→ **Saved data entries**
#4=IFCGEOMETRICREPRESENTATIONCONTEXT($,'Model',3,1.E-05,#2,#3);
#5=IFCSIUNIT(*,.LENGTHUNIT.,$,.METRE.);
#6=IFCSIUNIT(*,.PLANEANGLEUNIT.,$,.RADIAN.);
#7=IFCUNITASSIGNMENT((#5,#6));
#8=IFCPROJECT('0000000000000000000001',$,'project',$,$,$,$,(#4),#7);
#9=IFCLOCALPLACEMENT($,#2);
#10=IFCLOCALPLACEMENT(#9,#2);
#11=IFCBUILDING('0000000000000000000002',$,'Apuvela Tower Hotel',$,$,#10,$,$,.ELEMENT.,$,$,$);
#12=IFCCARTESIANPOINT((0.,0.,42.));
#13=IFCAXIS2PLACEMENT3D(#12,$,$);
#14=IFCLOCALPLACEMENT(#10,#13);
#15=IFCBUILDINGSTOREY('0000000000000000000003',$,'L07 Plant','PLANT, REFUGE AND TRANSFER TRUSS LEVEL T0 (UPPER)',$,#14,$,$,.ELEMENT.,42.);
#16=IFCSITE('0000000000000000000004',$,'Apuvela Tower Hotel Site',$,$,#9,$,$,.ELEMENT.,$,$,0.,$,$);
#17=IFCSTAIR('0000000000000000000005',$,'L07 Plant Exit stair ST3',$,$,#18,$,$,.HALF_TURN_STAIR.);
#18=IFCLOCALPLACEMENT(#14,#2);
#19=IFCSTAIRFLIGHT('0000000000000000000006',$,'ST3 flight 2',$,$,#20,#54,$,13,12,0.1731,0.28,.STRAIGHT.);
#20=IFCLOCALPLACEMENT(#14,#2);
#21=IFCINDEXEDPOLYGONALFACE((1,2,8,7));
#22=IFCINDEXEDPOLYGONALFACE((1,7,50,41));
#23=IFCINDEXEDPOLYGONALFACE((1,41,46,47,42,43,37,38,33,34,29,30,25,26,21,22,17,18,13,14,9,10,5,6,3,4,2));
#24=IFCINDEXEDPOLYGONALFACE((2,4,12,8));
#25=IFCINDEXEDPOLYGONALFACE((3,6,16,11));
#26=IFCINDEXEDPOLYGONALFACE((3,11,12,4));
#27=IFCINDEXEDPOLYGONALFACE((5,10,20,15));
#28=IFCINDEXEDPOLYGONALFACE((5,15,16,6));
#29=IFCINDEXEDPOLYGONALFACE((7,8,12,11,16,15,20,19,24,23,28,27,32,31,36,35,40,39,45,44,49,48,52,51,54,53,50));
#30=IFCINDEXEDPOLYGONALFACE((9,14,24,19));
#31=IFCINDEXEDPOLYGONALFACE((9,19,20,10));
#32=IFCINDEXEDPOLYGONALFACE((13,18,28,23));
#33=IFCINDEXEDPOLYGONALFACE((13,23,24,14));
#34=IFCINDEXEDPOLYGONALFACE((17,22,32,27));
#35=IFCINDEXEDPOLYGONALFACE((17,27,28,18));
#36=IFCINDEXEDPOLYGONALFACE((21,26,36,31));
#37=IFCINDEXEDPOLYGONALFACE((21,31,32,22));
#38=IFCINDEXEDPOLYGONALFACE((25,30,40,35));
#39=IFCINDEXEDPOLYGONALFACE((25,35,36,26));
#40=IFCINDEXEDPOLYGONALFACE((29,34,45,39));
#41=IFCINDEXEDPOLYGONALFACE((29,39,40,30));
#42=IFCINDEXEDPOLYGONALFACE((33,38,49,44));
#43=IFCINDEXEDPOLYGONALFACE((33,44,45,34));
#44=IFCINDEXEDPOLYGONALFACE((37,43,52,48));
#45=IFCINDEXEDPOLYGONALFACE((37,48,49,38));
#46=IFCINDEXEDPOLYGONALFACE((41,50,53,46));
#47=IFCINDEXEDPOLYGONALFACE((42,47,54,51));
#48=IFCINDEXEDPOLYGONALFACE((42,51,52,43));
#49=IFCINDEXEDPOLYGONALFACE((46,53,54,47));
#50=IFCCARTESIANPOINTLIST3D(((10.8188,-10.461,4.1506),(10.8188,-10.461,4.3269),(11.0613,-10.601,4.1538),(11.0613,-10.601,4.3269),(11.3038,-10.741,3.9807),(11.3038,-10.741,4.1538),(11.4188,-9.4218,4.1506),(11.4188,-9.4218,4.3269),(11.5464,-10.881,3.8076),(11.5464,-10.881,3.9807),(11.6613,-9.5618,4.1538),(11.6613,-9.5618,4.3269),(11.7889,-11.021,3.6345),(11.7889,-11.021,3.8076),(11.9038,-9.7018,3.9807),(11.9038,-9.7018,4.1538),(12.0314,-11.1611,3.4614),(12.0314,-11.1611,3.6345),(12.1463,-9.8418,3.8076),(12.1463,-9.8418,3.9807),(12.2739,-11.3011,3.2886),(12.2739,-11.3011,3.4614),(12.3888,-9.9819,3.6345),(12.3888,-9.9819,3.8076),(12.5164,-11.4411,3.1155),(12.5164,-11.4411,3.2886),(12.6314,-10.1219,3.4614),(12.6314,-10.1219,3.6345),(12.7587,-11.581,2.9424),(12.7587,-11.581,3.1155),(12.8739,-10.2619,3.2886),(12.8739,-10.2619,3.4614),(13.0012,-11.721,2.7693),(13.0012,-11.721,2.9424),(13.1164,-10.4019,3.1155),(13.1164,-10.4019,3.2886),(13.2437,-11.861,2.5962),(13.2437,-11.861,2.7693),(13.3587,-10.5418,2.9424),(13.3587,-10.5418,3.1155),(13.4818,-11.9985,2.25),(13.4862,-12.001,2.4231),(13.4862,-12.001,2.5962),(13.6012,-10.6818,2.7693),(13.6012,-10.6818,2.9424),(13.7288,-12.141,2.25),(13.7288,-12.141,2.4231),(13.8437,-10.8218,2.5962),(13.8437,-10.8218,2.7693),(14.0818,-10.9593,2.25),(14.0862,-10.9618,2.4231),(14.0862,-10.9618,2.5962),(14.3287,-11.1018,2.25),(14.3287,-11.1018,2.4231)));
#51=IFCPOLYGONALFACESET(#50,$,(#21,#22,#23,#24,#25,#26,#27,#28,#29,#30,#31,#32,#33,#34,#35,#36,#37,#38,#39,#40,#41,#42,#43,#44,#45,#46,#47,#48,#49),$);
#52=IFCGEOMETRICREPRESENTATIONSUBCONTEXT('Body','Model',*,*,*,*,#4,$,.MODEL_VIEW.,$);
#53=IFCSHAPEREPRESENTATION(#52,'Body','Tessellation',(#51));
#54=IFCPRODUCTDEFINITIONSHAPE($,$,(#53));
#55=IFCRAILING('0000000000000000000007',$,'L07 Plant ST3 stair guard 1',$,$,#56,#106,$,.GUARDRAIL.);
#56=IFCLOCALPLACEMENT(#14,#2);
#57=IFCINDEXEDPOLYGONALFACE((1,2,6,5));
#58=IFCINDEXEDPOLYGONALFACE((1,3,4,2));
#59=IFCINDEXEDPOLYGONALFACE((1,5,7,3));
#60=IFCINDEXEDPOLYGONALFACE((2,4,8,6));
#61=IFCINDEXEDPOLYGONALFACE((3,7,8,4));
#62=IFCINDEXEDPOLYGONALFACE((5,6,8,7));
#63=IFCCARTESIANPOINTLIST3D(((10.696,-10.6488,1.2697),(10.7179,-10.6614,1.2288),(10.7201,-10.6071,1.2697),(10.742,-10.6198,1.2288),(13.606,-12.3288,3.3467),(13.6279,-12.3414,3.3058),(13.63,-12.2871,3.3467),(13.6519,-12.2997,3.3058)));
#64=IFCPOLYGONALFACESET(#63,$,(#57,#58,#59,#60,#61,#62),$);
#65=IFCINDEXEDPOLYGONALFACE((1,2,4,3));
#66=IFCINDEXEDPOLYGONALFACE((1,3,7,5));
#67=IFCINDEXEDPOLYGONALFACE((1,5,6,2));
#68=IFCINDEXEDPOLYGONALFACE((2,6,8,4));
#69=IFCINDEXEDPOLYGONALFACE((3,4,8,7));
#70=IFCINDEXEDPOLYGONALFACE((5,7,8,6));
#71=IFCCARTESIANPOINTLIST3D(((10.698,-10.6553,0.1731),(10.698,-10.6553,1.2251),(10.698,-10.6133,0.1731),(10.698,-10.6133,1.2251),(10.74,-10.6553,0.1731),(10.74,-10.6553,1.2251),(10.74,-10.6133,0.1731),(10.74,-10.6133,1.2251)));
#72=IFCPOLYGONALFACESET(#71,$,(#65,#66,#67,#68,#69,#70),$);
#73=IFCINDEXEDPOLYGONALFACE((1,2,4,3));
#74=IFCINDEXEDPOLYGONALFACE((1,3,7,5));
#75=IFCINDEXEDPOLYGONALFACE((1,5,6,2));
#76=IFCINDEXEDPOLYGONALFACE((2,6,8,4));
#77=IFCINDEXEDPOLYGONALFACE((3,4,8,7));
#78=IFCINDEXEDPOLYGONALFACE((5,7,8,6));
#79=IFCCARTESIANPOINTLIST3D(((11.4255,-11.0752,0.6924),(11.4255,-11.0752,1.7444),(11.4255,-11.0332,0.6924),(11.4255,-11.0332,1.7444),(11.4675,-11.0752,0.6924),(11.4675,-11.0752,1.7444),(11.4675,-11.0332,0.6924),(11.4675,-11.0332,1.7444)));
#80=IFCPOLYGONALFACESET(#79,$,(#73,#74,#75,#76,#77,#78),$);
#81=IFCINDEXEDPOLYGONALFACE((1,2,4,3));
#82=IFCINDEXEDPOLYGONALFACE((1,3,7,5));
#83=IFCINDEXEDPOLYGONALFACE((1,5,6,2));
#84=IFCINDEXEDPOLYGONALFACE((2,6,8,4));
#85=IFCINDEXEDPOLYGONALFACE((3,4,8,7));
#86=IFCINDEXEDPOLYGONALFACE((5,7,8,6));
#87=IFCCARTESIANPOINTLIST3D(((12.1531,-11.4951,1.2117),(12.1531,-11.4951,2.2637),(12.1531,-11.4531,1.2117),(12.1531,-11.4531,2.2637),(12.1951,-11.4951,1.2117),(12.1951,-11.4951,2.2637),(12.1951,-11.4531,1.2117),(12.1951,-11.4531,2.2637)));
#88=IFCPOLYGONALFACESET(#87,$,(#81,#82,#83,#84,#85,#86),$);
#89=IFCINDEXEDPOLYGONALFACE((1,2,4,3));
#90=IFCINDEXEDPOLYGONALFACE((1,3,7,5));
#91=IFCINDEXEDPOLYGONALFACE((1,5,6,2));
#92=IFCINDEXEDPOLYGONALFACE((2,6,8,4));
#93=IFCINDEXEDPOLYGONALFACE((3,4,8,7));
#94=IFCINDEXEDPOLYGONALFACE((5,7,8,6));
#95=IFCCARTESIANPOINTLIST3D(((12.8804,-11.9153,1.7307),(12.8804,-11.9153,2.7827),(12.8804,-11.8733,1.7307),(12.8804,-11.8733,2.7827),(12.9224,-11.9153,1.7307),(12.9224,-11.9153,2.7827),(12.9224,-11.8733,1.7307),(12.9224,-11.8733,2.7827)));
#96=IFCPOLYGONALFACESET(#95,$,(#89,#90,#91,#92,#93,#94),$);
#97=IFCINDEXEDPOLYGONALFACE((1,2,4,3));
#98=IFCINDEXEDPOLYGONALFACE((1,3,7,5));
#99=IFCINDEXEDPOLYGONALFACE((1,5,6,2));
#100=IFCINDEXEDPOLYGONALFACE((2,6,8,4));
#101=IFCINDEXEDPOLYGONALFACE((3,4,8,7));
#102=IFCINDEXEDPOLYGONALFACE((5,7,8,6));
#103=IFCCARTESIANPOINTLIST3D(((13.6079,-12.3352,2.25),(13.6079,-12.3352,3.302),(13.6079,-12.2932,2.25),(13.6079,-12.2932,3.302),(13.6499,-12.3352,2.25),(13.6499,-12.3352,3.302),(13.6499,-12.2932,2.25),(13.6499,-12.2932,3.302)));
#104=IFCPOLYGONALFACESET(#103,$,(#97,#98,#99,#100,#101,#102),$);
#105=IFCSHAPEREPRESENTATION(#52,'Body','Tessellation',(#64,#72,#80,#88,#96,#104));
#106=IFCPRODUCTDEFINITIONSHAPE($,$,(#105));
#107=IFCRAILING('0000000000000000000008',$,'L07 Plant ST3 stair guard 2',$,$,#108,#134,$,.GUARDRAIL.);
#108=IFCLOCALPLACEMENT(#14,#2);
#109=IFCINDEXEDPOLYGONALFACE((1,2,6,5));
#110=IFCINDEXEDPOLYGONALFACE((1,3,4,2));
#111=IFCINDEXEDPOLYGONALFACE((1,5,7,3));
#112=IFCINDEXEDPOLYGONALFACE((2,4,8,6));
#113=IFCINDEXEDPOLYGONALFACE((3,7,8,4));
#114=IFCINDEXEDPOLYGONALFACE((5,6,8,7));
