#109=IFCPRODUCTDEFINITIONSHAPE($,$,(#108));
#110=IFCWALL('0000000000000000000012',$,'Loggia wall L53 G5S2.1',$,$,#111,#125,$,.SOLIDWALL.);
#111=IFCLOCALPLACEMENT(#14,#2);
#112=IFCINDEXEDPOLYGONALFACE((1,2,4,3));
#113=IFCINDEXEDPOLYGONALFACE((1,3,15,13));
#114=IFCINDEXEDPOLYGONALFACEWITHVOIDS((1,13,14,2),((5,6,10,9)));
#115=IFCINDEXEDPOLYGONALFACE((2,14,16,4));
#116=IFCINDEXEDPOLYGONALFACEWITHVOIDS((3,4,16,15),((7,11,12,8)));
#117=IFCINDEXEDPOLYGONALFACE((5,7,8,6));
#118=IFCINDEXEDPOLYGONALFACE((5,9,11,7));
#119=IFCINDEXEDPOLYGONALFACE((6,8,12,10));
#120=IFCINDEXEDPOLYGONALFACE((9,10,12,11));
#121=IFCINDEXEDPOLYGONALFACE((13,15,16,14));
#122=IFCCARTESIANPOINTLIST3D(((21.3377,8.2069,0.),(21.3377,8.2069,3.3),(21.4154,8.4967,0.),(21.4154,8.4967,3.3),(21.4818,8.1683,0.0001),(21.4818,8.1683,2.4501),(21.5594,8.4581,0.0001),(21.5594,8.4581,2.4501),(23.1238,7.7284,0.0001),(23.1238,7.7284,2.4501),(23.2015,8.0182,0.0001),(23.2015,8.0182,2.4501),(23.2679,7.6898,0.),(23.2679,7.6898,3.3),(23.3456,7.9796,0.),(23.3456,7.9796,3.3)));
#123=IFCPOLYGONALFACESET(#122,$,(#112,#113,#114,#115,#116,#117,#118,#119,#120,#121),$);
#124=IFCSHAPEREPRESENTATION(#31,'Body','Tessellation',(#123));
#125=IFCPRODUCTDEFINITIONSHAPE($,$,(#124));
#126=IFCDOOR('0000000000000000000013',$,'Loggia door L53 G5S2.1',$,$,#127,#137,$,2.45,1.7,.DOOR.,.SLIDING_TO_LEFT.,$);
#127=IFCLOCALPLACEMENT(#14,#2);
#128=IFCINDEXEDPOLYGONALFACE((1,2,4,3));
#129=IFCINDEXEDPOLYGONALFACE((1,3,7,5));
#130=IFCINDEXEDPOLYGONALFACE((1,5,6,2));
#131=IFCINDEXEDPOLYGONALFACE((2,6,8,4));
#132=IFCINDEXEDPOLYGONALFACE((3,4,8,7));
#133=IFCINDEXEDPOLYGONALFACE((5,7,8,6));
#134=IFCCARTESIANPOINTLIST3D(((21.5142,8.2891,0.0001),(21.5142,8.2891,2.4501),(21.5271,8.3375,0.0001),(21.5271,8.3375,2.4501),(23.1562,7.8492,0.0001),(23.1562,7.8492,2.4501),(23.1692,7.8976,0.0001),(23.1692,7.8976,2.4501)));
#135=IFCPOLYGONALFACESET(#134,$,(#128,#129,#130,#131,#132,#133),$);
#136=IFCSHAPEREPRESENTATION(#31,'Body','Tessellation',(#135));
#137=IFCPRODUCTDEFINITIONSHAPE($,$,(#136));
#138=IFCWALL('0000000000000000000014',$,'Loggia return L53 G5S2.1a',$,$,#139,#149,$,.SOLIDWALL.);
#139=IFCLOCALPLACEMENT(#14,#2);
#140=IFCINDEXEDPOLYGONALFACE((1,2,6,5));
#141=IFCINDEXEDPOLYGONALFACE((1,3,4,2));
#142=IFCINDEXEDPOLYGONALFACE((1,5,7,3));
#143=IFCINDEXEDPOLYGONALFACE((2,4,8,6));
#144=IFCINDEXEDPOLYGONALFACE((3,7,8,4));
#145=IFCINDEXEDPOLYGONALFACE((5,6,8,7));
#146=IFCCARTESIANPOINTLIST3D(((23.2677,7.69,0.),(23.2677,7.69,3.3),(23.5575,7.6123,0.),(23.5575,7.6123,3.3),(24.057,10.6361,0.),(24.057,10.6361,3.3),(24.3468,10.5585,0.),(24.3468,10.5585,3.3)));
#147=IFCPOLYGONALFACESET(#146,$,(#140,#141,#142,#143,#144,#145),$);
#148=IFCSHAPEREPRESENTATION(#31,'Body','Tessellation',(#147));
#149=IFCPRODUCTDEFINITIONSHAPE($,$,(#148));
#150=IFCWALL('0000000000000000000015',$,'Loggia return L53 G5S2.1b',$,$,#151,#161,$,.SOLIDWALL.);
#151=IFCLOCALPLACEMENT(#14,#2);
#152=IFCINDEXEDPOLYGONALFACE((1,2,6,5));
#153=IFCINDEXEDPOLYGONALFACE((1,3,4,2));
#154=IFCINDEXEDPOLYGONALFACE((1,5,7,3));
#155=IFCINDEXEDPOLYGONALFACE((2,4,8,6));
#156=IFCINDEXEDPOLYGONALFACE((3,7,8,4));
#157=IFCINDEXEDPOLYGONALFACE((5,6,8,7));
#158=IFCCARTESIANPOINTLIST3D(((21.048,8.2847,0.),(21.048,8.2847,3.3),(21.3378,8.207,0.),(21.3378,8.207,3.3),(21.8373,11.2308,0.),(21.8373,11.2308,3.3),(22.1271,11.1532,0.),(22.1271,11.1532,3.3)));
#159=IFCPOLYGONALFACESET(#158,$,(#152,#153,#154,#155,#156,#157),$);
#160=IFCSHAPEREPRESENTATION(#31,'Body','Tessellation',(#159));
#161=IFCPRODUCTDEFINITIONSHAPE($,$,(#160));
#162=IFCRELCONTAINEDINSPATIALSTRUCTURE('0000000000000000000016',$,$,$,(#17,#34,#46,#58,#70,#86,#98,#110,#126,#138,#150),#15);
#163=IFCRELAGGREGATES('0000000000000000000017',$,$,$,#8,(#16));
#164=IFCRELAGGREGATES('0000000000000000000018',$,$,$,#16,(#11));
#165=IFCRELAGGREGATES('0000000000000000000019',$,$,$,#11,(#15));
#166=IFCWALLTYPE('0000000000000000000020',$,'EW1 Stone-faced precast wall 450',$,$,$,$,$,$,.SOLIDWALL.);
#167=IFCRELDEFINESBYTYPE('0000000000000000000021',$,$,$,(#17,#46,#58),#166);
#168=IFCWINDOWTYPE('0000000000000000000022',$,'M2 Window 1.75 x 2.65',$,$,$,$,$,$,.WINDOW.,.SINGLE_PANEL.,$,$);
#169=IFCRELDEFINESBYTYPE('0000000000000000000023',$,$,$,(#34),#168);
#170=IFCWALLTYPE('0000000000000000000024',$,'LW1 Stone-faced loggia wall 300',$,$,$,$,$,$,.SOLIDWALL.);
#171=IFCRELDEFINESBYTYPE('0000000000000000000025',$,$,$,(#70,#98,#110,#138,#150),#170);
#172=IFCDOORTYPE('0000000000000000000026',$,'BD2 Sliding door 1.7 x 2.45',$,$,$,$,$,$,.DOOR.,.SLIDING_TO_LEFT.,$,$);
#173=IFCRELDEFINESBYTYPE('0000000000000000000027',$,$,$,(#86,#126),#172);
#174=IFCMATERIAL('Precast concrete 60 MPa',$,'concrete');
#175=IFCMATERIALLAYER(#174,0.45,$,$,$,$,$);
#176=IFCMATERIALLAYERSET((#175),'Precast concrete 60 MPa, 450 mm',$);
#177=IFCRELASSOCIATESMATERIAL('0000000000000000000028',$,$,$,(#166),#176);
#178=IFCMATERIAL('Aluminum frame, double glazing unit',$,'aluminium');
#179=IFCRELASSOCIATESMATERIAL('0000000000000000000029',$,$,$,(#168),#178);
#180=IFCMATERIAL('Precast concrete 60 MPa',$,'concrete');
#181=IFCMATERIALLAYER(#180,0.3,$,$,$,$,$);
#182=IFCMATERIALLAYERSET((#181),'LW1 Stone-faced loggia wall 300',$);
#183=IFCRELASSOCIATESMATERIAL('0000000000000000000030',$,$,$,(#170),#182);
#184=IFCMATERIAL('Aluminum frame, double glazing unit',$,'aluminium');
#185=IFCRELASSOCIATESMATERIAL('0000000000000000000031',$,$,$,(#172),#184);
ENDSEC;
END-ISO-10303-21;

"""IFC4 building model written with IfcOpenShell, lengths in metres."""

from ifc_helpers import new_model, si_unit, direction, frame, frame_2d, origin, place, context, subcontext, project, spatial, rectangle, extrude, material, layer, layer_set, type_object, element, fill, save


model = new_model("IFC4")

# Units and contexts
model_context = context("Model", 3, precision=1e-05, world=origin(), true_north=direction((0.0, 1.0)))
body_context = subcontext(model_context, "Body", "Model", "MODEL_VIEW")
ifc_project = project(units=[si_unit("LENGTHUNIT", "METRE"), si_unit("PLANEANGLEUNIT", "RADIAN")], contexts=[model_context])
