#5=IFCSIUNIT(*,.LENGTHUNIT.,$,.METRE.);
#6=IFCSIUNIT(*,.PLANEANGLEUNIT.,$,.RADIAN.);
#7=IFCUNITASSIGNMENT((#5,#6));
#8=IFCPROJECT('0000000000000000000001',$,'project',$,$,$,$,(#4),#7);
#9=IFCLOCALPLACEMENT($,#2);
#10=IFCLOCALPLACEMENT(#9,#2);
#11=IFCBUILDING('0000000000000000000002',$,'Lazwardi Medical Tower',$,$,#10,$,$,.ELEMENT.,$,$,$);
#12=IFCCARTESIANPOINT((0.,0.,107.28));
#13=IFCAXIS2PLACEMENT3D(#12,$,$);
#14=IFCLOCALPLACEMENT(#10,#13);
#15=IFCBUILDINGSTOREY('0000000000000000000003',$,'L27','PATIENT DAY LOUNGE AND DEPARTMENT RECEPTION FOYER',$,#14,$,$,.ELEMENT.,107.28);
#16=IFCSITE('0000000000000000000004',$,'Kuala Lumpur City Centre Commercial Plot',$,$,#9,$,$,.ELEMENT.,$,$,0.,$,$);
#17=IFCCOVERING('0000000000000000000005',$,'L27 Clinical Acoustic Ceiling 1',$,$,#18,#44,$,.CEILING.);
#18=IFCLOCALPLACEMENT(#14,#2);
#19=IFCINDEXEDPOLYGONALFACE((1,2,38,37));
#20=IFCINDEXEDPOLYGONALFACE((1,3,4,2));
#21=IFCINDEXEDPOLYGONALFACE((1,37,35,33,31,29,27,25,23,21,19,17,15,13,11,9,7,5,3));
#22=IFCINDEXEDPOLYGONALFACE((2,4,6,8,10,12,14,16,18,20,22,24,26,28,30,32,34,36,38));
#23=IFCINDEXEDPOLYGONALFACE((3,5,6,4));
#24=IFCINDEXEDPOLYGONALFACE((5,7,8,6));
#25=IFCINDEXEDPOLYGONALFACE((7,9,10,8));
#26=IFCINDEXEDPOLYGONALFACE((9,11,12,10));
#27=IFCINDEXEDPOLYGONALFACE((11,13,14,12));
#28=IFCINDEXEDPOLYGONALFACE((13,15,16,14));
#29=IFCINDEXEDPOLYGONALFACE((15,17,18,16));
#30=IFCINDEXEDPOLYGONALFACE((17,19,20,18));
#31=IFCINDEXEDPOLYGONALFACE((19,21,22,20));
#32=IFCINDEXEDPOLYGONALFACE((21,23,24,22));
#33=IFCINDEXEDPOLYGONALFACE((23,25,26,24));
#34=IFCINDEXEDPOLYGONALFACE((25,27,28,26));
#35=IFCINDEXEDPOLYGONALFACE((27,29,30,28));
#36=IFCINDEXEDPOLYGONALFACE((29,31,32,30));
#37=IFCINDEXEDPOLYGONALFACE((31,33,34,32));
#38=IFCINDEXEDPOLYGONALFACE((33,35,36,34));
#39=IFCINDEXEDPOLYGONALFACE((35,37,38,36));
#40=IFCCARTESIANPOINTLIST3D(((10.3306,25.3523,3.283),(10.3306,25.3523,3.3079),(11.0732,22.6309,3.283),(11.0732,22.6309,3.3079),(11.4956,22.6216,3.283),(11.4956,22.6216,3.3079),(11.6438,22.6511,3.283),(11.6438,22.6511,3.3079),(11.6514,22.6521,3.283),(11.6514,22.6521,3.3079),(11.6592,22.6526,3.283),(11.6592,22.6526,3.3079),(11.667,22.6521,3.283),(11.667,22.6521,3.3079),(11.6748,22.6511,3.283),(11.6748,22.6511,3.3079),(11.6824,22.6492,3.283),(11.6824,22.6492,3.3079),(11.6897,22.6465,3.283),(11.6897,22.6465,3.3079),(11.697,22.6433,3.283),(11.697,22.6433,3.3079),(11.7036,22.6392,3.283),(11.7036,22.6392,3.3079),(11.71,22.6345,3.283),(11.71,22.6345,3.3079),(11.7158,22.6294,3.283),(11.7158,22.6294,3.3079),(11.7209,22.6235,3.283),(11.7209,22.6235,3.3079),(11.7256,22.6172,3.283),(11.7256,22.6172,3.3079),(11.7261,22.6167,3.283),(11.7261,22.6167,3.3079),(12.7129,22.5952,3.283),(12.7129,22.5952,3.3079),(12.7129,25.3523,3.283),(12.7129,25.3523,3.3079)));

→ **Problem**
Of the lines above, extract only those from the line with "#34=IFCINDEXEDPOLYGONALFACE((17,22,32,27));" to the line with "#39=IFCINDEXEDPOLYGONALFACE((25,35,36,26));", both included, exactly as written.

→ **Written answer**
#34=IFCINDEXEDPOLYGONALFACE((17,22,32,27));
#35=IFCINDEXEDPOLYGONALFACE((17,27,28,18));
#36=IFCINDEXEDPOLYGONALFACE((21,26,36,31));
#37=IFCINDEXEDPOLYGONALFACE((21,31,32,22));
#38=IFCINDEXEDPOLYGONALFACE((25,30,40,35));
#39=IFCINDEXEDPOLYGONALFACE((25,35,36,26));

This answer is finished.